* _THE INPUT_:
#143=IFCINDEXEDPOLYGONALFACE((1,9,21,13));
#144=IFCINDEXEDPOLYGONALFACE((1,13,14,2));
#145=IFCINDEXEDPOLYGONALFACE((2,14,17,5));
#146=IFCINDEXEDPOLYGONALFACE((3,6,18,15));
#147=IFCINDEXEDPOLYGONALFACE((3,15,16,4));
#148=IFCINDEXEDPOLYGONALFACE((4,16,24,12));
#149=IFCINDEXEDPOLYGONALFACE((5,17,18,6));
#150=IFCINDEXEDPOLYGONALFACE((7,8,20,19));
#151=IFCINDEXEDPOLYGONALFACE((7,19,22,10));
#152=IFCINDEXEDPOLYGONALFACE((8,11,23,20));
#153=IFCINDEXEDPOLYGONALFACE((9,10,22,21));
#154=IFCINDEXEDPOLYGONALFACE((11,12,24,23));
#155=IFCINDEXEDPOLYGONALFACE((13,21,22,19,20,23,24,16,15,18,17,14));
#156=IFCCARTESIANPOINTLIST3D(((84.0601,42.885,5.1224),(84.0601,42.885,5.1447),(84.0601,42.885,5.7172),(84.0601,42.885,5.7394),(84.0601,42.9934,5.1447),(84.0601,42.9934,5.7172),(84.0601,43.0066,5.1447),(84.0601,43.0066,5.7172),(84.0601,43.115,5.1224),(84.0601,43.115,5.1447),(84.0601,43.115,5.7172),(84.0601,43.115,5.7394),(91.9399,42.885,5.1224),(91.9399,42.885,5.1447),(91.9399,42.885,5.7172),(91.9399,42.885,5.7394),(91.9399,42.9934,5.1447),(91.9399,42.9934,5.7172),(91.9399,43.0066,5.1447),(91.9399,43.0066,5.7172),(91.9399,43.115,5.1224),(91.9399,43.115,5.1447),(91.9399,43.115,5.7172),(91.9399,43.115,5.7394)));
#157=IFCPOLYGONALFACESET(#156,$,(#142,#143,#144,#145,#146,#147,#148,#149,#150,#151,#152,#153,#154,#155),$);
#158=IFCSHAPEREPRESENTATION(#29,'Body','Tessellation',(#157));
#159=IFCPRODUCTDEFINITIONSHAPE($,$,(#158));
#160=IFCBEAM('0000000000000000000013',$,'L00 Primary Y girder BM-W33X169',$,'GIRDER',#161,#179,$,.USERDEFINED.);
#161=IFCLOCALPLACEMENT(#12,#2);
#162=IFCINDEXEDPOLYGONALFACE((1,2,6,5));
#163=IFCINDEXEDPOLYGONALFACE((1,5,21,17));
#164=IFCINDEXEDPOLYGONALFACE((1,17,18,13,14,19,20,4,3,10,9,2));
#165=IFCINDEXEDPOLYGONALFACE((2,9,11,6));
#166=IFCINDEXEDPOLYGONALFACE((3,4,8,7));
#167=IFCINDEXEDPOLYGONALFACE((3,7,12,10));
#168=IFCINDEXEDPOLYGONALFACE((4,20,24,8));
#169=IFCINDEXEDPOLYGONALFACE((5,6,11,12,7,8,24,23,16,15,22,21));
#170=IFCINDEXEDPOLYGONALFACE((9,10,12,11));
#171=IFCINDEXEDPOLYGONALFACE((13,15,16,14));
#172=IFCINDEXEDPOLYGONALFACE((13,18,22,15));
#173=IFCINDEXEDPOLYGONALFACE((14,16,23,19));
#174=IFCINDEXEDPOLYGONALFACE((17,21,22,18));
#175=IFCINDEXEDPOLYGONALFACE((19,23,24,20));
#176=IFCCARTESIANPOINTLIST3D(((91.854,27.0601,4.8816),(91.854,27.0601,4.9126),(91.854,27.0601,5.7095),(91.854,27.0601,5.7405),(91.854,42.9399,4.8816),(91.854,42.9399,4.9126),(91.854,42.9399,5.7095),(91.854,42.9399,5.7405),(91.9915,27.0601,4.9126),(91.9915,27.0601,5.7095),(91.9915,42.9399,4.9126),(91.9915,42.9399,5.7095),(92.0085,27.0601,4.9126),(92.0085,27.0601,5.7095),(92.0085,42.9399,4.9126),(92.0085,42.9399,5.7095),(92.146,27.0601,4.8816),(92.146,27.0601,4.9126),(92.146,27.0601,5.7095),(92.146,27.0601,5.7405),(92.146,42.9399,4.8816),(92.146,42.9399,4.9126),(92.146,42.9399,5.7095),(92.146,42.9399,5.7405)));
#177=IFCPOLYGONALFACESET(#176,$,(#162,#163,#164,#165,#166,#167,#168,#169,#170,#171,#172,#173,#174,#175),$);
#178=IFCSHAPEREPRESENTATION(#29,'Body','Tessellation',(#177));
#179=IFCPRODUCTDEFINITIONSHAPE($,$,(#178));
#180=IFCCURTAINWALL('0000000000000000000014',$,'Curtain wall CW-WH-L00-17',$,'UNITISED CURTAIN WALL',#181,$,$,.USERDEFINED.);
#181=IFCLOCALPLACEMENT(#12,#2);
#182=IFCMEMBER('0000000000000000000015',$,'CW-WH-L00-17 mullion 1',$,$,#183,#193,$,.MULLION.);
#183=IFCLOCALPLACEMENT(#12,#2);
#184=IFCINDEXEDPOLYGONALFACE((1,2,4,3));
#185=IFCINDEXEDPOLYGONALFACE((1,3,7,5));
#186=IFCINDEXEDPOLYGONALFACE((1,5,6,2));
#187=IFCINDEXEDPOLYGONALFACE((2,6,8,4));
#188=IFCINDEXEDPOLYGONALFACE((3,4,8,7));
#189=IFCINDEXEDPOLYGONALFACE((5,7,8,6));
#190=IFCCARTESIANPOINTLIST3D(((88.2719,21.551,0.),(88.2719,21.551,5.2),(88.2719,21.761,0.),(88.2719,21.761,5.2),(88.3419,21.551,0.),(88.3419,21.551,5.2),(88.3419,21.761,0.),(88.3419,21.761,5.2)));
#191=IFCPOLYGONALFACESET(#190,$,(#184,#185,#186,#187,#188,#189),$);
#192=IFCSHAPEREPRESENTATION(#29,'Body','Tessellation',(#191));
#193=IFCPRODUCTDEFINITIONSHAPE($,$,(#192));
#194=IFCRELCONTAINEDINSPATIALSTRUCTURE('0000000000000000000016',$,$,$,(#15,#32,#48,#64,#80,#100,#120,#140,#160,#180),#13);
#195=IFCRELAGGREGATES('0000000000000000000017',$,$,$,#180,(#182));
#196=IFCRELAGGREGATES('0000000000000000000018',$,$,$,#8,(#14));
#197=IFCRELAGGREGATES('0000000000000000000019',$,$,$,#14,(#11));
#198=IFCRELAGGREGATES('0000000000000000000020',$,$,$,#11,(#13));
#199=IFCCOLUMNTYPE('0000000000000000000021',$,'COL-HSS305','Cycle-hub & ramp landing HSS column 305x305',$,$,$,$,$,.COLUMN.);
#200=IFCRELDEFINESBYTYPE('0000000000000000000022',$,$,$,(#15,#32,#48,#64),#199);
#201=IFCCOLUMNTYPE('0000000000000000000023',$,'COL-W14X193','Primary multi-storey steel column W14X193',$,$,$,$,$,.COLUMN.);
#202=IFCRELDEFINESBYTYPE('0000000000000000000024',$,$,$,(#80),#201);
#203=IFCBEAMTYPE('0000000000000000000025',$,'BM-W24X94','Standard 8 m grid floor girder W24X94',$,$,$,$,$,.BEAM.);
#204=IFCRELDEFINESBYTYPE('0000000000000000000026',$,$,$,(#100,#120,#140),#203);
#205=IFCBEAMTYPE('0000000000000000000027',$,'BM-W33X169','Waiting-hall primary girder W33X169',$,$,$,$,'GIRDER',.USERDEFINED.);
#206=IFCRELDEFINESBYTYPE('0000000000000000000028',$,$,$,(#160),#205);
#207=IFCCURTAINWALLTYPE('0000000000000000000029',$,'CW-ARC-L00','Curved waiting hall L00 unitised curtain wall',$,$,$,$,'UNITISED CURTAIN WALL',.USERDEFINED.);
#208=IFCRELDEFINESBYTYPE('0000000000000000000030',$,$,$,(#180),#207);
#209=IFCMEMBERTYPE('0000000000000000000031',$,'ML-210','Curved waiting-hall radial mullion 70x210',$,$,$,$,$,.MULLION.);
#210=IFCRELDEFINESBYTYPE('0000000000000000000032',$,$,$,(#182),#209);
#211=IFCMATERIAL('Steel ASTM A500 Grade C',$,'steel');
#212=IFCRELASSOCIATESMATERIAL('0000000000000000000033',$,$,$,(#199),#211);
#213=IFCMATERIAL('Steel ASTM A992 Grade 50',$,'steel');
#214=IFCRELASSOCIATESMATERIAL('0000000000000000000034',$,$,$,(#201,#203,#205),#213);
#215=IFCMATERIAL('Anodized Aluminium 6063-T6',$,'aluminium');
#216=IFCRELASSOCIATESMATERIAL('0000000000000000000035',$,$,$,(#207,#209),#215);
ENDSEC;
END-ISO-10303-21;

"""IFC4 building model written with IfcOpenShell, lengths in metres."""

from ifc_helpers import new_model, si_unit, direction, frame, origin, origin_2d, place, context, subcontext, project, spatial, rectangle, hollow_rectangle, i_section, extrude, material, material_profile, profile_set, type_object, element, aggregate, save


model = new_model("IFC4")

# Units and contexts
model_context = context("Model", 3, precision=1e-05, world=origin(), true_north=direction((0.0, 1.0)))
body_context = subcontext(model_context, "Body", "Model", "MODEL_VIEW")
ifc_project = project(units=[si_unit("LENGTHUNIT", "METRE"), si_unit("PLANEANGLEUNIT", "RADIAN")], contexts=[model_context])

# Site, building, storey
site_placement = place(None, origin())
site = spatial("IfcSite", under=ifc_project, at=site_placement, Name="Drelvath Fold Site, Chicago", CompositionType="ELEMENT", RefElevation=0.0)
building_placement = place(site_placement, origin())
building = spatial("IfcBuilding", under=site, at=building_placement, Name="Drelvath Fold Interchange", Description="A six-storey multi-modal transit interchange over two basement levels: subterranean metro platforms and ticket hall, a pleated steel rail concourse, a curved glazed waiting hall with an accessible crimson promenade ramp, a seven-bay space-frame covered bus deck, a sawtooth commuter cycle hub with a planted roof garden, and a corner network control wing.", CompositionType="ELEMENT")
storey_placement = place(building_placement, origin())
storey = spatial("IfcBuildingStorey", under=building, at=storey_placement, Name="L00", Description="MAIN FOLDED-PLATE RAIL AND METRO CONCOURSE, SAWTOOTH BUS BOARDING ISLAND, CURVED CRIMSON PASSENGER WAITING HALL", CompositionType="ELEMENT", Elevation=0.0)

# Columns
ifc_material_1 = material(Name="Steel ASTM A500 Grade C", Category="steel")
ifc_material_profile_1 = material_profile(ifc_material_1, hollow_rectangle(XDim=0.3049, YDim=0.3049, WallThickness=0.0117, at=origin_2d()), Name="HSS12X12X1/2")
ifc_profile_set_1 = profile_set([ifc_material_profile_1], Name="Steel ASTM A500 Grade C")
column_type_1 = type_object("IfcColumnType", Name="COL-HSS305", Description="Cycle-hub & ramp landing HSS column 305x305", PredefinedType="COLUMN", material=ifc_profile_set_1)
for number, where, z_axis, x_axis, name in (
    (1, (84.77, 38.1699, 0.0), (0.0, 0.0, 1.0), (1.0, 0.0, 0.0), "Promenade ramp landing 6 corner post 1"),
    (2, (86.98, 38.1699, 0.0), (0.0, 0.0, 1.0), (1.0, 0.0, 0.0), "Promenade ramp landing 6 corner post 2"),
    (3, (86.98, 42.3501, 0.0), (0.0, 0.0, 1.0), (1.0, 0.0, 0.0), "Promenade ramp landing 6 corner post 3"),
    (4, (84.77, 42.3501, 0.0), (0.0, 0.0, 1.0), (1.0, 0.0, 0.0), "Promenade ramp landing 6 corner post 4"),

* _WHAT YOU WILL DO_: The lines of the data, from the first through the one containing "#160=IFCBEAM('0000000000000000000013',$,'L00 Primary Y", are to be transcribed exactly.

* _WORKED SOLUTION_:
#143=IFCINDEXEDPOLYGONALFACE((1,9,21,13));
#144=IFCINDEXEDPOLYGONALFACE((1,13,14,2));
#145=IFCINDEXEDPOLYGONALFACE((2,14,17,5));
#146=IFCINDEXEDPOLYGONALFACE((3,6,18,15));
#147=IFCINDEXEDPOLYGONALFACE((3,15,16,4));
#148=IFCINDEXEDPOLYGONALFACE((4,16,24,12));
#149=IFCINDEXEDPOLYGONALFACE((5,17,18,6));
#150=IFCINDEXEDPOLYGONALFACE((7,8,20,19));
#151=IFCINDEXEDPOLYGONALFACE((7,19,22,10));
#152=IFCINDEXEDPOLYGONALFACE((8,11,23,20));
#153=IFCINDEXEDPOLYGONALFACE((9,10,22,21));
#154=IFCINDEXEDPOLYGONALFACE((11,12,24,23));
#155=IFCINDEXEDPOLYGONALFACE((13,21,22,19,20,23,24,16,15,18,17,14));
#156=IFCCARTESIANPOINTLIST3D(((84.0601,42.885,5.1224),(84.0601,42.885,5.1447),(84.0601,42.885,5.7172),(84.0601,42.885,5.7394),(84.0601,42.9934,5.1447),(84.0601,42.9934,5.7172),(84.0601,43.0066,5.1447),(84.0601,43.0066,5.7172),(84.0601,43.115,5.1224),(84.0601,43.115,5.1447),(84.0601,43.115,5.7172),(84.0601,43.115,5.7394),(91.9399,42.885,5.1224),(91.9399,42.885,5.1447),(91.9399,42.885,5.7172),(91.9399,42.885,5.7394),(91.9399,42.9934,5.1447),(91.9399,42.9934,5.7172),(91.9399,43.0066,5.1447),(91.9399,43.0066,5.7172),(91.9399,43.115,5.1224),(91.9399,43.115,5.1447),(91.9399,43.115,5.7172),(91.9399,43.115,5.7394)));
#157=IFCPOLYGONALFACESET(#156,$,(#142,#143,#144,#145,#146,#147,#148,#149,#150,#151,#152,#153,#154,#155),$);
#158=IFCSHAPEREPRESENTATION(#29,'Body','Tessellation',(#157));
#159=IFCPRODUCTDEFINITIONSHAPE($,$,(#158));
#160=IFCBEAM('0000000000000000000013',$,'L00 Primary Y girder BM-W33X169',$,'GIRDER',#161,#179,$,.USERDEFINED.);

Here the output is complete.